# THE TASK
Return, from the data below, each line that contains the word "circle".

(Saved entries)
---*---
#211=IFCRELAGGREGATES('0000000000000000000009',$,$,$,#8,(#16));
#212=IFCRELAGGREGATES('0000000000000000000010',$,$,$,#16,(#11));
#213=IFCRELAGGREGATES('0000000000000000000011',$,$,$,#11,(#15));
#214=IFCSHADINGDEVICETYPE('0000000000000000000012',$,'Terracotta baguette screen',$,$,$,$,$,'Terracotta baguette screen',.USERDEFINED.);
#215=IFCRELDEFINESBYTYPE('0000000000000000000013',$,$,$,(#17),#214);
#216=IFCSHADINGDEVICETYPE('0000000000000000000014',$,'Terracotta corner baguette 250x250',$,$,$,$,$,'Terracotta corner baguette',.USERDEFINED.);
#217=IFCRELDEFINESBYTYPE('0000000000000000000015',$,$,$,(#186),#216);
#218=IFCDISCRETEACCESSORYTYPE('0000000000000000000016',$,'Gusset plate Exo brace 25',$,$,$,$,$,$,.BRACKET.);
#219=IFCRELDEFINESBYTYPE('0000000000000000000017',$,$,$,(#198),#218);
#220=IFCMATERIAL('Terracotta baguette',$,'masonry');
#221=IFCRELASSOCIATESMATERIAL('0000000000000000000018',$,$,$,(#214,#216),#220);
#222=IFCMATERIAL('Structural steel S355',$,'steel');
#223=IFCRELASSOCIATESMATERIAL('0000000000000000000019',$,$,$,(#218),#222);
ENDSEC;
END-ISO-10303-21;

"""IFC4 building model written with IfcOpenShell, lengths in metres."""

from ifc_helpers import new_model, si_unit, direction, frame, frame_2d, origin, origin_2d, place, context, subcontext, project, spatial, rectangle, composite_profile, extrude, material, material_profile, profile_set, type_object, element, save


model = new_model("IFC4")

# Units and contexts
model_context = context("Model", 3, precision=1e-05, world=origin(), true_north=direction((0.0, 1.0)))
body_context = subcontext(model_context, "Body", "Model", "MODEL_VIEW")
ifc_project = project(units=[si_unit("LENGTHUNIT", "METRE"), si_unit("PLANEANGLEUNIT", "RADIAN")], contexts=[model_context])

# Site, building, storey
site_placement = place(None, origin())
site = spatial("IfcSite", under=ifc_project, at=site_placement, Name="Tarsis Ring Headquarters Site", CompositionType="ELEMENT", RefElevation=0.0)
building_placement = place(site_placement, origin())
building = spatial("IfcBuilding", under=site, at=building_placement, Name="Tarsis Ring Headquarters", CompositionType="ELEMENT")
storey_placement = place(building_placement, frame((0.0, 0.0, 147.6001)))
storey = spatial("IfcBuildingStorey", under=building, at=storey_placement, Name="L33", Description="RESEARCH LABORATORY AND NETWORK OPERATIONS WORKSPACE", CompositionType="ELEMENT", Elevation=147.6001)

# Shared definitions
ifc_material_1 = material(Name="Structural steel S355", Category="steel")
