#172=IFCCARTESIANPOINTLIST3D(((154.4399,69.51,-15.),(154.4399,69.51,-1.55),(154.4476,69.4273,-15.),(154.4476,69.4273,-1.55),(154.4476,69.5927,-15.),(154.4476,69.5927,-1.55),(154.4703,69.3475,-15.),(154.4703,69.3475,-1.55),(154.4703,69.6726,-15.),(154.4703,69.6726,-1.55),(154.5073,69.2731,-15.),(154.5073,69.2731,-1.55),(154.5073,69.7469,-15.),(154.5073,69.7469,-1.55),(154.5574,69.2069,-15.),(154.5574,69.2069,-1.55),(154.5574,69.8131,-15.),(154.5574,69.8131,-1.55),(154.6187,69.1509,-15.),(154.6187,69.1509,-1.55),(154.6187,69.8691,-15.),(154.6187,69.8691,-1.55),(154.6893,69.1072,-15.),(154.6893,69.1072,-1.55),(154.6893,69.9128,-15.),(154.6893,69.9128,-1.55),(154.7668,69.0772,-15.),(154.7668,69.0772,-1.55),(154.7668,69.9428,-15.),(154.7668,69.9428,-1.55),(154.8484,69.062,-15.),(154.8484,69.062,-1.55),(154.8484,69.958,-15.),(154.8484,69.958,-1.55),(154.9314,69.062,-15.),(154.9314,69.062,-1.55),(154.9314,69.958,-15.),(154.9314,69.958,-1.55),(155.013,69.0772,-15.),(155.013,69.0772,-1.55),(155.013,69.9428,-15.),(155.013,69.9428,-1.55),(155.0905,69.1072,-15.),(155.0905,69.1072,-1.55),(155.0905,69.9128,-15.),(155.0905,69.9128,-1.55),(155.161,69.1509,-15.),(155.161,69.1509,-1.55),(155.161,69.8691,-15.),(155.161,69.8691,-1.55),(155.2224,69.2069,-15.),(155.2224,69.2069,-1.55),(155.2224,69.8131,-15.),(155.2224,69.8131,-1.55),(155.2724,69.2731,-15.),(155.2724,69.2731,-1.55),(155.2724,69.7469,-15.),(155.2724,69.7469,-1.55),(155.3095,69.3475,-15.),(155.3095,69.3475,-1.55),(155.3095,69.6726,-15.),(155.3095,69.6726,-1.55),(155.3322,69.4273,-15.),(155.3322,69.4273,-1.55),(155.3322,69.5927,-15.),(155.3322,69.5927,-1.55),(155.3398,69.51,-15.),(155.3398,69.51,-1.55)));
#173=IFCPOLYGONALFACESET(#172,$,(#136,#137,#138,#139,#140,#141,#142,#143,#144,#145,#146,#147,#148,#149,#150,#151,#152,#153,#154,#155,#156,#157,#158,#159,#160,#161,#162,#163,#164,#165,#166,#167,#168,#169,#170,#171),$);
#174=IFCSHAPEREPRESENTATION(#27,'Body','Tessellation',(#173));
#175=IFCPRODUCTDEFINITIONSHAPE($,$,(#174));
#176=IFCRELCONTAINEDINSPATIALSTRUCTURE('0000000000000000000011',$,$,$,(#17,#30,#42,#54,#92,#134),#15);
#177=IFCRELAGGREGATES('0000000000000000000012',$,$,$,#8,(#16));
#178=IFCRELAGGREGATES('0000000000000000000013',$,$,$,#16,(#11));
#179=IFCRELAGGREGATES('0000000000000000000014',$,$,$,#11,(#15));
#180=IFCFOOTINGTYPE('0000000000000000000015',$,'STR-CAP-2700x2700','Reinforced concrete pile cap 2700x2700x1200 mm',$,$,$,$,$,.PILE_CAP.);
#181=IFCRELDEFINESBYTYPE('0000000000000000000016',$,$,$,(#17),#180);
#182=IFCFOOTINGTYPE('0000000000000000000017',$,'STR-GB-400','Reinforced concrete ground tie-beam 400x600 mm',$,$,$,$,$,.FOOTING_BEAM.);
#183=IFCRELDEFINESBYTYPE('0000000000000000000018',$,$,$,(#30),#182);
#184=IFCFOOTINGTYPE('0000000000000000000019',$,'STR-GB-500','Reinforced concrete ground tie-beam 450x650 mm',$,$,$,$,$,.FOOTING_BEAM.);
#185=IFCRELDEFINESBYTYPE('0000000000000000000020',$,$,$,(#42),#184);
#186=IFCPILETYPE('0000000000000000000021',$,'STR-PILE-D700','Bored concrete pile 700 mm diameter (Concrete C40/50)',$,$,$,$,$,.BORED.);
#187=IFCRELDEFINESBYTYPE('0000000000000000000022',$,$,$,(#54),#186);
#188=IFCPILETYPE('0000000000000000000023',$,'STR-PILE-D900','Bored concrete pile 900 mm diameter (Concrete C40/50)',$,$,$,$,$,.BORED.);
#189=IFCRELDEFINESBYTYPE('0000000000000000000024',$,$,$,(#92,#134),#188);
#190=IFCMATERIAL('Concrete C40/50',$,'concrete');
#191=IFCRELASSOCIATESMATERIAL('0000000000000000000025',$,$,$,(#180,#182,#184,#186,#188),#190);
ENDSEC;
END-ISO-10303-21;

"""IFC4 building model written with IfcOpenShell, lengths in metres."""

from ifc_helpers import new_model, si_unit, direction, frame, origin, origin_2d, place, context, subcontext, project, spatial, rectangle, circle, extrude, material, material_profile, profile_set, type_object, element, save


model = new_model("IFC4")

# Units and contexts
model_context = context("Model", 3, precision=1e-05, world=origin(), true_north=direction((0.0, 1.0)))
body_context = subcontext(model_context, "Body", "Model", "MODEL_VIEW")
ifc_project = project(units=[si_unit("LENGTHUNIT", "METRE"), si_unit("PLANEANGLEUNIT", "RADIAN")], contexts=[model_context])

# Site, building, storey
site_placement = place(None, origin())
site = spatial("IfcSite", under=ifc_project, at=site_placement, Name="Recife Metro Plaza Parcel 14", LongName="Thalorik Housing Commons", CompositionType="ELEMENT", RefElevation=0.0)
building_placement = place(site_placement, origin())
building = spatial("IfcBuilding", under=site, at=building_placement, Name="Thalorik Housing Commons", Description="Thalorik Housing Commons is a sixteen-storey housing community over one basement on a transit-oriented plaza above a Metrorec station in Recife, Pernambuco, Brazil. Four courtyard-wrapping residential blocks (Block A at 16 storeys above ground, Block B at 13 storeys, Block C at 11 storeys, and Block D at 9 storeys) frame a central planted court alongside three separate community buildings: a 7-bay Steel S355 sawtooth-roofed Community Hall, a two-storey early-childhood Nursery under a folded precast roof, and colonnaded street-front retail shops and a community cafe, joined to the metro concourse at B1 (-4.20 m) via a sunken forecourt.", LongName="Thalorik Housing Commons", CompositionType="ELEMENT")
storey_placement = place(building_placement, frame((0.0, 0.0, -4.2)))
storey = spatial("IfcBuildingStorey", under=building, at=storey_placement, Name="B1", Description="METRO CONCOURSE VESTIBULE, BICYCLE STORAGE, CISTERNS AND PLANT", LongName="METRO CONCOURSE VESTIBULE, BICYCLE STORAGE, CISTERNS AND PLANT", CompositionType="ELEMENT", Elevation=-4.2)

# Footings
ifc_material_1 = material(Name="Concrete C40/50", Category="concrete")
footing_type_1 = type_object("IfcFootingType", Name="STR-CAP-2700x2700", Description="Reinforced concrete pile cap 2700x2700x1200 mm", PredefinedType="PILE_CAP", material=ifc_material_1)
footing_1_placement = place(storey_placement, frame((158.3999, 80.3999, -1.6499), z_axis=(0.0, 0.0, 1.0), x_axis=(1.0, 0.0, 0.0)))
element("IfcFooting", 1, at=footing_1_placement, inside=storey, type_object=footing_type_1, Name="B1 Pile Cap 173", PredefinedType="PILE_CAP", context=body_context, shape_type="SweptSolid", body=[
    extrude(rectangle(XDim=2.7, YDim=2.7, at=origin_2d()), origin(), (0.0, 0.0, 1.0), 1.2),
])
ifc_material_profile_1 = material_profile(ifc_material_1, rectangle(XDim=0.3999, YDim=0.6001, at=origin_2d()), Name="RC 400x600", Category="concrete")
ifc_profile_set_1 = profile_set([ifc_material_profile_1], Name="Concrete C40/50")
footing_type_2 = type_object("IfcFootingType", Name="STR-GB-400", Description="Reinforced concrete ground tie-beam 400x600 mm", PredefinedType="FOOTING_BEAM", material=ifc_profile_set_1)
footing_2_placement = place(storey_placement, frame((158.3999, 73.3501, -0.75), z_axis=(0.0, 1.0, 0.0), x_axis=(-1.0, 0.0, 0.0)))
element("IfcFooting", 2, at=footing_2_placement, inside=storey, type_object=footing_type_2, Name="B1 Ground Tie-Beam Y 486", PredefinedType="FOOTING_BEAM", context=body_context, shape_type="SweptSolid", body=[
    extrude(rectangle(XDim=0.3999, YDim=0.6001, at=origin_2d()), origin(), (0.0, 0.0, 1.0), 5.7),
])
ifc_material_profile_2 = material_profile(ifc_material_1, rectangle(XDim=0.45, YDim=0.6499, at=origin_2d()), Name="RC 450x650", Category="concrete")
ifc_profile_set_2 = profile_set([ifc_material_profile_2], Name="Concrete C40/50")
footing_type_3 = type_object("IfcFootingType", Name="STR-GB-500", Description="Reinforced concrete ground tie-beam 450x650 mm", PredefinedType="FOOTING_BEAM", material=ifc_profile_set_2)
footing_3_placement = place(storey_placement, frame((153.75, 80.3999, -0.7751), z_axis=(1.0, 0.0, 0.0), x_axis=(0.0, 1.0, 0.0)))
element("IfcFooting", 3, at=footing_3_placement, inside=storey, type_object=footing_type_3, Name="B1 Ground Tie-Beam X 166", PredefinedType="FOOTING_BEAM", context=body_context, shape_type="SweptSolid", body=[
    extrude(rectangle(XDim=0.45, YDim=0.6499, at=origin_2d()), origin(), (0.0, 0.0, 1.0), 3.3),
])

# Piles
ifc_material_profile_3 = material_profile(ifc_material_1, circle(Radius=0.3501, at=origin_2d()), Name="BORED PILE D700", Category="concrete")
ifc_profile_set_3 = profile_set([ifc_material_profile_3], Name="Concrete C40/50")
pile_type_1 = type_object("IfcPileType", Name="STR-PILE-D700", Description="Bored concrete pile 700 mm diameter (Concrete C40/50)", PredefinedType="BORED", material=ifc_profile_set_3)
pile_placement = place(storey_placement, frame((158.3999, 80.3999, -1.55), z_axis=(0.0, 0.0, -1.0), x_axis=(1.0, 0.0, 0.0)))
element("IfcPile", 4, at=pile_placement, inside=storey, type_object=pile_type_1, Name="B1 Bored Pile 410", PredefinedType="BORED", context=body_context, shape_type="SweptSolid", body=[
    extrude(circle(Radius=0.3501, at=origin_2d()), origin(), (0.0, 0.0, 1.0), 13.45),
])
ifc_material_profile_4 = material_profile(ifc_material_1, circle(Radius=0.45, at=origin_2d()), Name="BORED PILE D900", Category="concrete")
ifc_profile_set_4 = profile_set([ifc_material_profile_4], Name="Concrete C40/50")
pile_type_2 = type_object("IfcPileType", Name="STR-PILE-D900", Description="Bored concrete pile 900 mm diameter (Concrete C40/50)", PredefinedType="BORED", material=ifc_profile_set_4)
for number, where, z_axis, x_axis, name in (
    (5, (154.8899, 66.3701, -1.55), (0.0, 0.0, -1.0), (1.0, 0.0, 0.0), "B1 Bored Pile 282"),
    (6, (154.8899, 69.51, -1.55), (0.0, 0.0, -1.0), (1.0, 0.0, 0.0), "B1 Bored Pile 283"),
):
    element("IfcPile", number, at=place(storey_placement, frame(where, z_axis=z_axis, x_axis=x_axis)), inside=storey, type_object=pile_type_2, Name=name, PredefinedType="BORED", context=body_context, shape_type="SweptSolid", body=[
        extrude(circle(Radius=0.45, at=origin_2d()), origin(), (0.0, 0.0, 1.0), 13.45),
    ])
---*---
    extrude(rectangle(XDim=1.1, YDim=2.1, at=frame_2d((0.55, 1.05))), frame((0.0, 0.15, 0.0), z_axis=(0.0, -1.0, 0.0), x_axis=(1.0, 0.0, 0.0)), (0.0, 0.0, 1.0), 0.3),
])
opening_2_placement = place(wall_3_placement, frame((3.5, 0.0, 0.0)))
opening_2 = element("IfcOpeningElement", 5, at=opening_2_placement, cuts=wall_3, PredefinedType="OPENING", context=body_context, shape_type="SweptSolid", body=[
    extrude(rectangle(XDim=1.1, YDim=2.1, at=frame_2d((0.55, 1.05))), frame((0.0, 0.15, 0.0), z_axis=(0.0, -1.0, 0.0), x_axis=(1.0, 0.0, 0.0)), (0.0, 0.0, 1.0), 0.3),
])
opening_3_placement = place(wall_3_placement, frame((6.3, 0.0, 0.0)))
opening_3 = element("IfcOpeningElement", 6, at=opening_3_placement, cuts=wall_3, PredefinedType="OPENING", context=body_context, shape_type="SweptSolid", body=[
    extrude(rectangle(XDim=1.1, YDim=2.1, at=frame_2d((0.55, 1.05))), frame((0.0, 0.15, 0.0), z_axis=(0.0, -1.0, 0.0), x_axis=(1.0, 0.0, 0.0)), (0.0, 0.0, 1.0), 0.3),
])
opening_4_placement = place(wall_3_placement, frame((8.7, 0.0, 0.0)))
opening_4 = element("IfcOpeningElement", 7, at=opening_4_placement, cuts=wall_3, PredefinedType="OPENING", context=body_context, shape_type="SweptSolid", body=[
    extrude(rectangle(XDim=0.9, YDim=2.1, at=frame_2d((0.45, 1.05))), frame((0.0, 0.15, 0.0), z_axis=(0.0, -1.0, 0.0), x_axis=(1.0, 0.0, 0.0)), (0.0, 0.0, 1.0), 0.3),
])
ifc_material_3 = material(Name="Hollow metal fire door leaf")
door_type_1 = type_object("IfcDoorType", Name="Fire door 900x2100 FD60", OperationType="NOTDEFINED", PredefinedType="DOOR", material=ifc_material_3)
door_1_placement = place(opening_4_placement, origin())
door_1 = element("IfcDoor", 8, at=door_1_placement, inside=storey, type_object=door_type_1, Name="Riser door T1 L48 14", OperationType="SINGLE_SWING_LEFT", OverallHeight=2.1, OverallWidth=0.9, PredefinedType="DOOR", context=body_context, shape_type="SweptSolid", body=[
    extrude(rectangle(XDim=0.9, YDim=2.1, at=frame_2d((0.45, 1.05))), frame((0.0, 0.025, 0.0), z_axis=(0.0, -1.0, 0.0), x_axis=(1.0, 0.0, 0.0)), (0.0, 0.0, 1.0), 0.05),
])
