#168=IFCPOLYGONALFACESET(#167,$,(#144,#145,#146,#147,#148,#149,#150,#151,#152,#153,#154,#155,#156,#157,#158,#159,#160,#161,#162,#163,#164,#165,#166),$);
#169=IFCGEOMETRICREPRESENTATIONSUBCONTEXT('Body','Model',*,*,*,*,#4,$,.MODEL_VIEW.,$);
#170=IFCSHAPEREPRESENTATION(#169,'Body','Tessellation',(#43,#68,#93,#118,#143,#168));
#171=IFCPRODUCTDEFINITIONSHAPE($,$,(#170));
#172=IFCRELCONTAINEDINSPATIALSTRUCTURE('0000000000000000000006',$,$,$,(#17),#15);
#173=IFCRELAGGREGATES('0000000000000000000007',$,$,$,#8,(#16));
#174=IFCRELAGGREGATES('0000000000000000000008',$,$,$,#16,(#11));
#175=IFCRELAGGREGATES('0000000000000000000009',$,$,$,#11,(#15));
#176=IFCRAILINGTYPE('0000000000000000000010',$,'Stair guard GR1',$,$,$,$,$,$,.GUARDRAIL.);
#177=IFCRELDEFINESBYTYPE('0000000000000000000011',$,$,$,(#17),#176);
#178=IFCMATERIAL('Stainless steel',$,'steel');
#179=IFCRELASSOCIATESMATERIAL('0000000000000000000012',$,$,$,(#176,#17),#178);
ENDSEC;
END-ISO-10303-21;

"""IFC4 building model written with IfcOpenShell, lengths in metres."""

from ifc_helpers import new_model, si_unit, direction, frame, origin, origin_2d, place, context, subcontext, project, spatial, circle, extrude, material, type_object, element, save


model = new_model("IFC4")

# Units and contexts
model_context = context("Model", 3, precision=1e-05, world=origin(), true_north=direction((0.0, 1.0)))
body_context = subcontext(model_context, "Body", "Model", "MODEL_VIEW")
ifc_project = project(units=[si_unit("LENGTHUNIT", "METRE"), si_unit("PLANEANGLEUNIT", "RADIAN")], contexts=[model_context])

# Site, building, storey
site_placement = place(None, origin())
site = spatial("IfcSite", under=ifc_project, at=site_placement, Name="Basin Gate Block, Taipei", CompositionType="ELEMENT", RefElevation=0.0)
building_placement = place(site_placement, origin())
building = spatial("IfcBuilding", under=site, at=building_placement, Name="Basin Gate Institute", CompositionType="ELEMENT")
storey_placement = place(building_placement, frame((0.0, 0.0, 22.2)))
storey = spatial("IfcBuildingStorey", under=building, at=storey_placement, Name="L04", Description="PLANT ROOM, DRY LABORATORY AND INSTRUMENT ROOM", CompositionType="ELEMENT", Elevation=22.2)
---*---
# OUTPUT FOR THIS TASK
from ifc_helpers import new_model, si_unit, direction, frame, origin, origin_2d, place, context, subcontext, project, spatial, rectangle, circle, extrude, material, material_profile, profile_set, type_object, element, save
ifc_material_profile_3 = material_profile(ifc_material_1, circle(Radius=0.3501, at=origin_2d()), Name="BORED PILE D700", Category="concrete")
    extrude(circle(Radius=0.3501, at=origin_2d()), origin(), (0.0, 0.0, 1.0), 13.45),
ifc_material_profile_4 = material_profile(ifc_material_1, circle(Radius=0.45, at=origin_2d()), Name="BORED PILE D900", Category="concrete")
        extrude(circle(Radius=0.45, at=origin_2d()), origin(), (0.0, 0.0, 1.0), 13.45),
from ifc_helpers import new_model, si_unit, direction, frame, origin, origin_2d, place, context, subcontext, project, spatial, circle, extrude, material, type_object, element, save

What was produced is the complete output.